■ EXERCISE DETAILS
Search the entries below for the word "blockwork", then copy each line in which it is found.
*** DATA FOR ANALYSIS ***
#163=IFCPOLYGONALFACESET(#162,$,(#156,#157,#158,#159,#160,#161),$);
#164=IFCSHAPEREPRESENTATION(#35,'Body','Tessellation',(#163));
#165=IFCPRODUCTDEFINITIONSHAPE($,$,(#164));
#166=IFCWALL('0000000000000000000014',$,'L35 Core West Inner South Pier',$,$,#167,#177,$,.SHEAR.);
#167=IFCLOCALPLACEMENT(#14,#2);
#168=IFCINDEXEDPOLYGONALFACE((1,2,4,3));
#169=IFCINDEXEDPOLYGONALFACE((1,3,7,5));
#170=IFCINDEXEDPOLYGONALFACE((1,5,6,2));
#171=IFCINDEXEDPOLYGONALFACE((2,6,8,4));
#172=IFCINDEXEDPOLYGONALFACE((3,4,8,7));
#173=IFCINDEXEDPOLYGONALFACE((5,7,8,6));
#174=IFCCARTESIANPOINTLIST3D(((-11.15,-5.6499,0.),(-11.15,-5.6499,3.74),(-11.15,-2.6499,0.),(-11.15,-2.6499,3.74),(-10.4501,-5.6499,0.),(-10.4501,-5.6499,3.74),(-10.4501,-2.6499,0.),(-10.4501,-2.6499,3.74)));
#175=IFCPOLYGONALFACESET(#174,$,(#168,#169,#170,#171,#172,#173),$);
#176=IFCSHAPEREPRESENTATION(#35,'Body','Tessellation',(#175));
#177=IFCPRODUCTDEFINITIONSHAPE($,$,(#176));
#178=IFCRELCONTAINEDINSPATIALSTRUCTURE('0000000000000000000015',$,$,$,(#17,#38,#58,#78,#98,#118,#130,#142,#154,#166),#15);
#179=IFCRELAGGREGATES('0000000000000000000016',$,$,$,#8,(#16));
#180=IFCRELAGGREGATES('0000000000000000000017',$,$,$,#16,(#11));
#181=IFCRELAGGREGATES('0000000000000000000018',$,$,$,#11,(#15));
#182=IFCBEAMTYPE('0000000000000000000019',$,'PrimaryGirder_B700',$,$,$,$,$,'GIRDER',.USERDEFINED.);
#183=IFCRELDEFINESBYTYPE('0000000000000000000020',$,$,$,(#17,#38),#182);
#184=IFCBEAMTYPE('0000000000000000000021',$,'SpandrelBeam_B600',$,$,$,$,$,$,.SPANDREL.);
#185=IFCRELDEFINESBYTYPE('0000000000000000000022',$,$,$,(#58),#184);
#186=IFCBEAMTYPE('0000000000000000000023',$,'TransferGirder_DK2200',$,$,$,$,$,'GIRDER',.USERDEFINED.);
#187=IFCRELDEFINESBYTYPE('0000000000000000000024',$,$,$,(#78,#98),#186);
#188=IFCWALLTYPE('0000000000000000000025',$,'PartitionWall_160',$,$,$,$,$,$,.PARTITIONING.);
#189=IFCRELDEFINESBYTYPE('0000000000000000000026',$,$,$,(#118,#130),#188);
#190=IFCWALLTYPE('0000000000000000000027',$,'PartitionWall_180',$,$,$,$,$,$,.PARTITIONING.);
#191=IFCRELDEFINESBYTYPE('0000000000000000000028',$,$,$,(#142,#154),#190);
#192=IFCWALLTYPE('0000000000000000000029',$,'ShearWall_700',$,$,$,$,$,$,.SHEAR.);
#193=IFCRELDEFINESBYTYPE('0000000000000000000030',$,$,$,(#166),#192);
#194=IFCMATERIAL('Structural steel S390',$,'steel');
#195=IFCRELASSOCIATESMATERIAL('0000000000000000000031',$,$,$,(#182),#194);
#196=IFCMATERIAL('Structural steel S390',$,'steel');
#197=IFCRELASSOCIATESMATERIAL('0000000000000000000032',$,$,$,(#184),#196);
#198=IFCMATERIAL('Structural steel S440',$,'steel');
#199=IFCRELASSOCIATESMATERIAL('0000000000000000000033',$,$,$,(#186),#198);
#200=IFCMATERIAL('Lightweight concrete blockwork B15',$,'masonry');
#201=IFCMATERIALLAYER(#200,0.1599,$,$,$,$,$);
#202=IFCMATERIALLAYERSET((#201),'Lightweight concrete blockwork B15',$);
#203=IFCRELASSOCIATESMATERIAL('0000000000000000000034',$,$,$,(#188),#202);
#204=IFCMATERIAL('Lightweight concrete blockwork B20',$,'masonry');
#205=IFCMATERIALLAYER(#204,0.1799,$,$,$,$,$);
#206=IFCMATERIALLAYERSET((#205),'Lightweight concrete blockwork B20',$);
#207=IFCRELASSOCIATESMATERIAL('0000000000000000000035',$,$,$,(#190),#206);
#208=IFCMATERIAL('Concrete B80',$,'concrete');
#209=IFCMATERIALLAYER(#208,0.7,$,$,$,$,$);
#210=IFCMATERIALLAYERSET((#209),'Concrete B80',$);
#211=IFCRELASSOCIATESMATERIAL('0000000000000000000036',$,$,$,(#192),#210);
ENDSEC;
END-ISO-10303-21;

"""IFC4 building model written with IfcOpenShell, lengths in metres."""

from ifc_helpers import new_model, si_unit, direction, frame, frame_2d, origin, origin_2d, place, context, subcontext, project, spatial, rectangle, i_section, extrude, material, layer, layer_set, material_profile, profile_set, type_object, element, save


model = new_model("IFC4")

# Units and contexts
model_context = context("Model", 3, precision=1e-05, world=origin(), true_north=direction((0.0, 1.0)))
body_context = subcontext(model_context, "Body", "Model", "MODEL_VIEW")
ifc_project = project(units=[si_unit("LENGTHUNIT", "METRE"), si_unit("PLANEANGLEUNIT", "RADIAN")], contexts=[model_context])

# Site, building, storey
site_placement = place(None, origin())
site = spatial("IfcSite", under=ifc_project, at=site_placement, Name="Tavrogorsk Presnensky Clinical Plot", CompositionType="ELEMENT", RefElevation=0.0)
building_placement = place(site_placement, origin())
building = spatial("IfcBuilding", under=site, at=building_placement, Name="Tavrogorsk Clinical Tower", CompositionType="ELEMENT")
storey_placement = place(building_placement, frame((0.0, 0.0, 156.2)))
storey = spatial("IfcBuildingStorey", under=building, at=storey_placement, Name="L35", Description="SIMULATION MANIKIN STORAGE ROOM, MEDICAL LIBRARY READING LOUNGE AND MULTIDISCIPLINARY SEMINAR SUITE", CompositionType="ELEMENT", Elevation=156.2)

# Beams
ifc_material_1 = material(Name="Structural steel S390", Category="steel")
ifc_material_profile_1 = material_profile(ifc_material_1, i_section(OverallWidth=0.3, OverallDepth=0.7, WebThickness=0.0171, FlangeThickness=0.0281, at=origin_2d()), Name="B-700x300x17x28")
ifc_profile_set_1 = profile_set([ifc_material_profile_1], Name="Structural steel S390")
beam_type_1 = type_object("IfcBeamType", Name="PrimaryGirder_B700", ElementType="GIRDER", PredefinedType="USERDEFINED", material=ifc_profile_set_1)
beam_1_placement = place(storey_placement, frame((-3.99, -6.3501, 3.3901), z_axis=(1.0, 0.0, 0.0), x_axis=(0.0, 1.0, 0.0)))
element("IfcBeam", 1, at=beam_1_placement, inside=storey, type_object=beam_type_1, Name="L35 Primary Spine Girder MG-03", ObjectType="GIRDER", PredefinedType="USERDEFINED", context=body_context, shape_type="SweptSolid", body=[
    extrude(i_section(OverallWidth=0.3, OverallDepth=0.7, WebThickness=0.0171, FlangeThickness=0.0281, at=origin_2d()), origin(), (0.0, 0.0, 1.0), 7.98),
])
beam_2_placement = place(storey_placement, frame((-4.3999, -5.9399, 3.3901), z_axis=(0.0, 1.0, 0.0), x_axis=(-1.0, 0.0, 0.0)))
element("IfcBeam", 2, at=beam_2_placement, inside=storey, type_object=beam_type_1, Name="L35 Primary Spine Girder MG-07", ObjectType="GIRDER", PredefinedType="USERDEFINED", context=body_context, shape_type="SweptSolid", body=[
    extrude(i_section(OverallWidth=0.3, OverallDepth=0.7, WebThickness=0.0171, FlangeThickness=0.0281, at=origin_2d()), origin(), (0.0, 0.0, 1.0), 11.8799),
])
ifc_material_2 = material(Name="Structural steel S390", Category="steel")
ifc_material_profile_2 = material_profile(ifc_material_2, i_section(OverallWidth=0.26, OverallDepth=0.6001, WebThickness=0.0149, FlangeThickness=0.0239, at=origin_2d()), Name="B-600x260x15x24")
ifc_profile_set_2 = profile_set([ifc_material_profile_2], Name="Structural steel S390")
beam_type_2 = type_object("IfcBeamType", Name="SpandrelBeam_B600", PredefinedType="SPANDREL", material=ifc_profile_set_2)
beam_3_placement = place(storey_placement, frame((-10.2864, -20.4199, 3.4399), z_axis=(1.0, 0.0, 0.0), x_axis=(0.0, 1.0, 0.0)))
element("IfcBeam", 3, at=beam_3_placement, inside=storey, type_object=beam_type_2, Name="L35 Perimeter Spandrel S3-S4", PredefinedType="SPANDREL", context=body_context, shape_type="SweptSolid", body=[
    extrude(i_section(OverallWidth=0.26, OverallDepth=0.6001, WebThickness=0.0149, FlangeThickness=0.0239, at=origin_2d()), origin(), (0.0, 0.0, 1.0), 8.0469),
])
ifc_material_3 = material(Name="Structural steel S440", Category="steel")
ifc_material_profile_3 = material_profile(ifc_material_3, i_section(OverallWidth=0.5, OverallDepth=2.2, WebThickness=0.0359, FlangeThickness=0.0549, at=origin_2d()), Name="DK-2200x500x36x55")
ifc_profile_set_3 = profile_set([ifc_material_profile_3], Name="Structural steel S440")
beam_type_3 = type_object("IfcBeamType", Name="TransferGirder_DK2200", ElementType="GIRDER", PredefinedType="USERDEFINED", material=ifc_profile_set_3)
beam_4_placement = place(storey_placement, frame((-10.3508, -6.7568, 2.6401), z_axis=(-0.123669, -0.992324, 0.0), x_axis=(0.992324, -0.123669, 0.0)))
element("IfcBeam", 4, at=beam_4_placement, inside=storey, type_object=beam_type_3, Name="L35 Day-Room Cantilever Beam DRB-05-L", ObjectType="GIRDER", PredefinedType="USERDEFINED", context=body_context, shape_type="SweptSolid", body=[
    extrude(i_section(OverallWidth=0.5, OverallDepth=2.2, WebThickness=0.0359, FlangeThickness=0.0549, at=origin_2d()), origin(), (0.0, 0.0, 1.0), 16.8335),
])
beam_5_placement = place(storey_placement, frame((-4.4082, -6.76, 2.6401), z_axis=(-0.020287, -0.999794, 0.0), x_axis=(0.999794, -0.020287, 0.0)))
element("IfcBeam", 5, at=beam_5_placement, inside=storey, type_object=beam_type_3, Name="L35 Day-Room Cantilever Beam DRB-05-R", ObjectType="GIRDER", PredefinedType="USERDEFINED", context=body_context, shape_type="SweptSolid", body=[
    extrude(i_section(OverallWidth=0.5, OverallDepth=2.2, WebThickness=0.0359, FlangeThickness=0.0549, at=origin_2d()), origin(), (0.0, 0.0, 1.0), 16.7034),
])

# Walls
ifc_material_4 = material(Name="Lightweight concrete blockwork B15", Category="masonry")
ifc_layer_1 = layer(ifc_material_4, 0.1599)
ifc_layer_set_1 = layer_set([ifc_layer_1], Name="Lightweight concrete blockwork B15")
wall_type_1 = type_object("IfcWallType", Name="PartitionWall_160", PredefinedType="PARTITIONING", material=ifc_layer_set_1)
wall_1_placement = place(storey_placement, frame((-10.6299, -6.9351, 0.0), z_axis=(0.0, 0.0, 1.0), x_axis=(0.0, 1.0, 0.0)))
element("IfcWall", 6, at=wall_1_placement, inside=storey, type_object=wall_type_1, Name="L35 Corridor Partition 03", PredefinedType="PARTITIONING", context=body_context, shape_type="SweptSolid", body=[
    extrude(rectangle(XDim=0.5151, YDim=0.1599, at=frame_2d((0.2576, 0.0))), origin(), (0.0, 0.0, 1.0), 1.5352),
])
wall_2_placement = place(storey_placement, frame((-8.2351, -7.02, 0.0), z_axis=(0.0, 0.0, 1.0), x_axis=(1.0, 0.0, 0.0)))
***
■ RESULT BELOW
#200=IFCMATERIAL('Lightweight concrete blockwork B15',$,'masonry');
#202=IFCMATERIALLAYERSET((#201),'Lightweight concrete blockwork B15',$);
#204=IFCMATERIAL('Lightweight concrete blockwork B20',$,'masonry');
#206=IFCMATERIALLAYERSET((#205),'Lightweight concrete blockwork B20',$);
ifc_material_4 = material(Name="Lightweight concrete blockwork B15", Category="masonry")
ifc_layer_set_1 = layer_set([ifc_layer_1], Name="Lightweight concrete blockwork B15")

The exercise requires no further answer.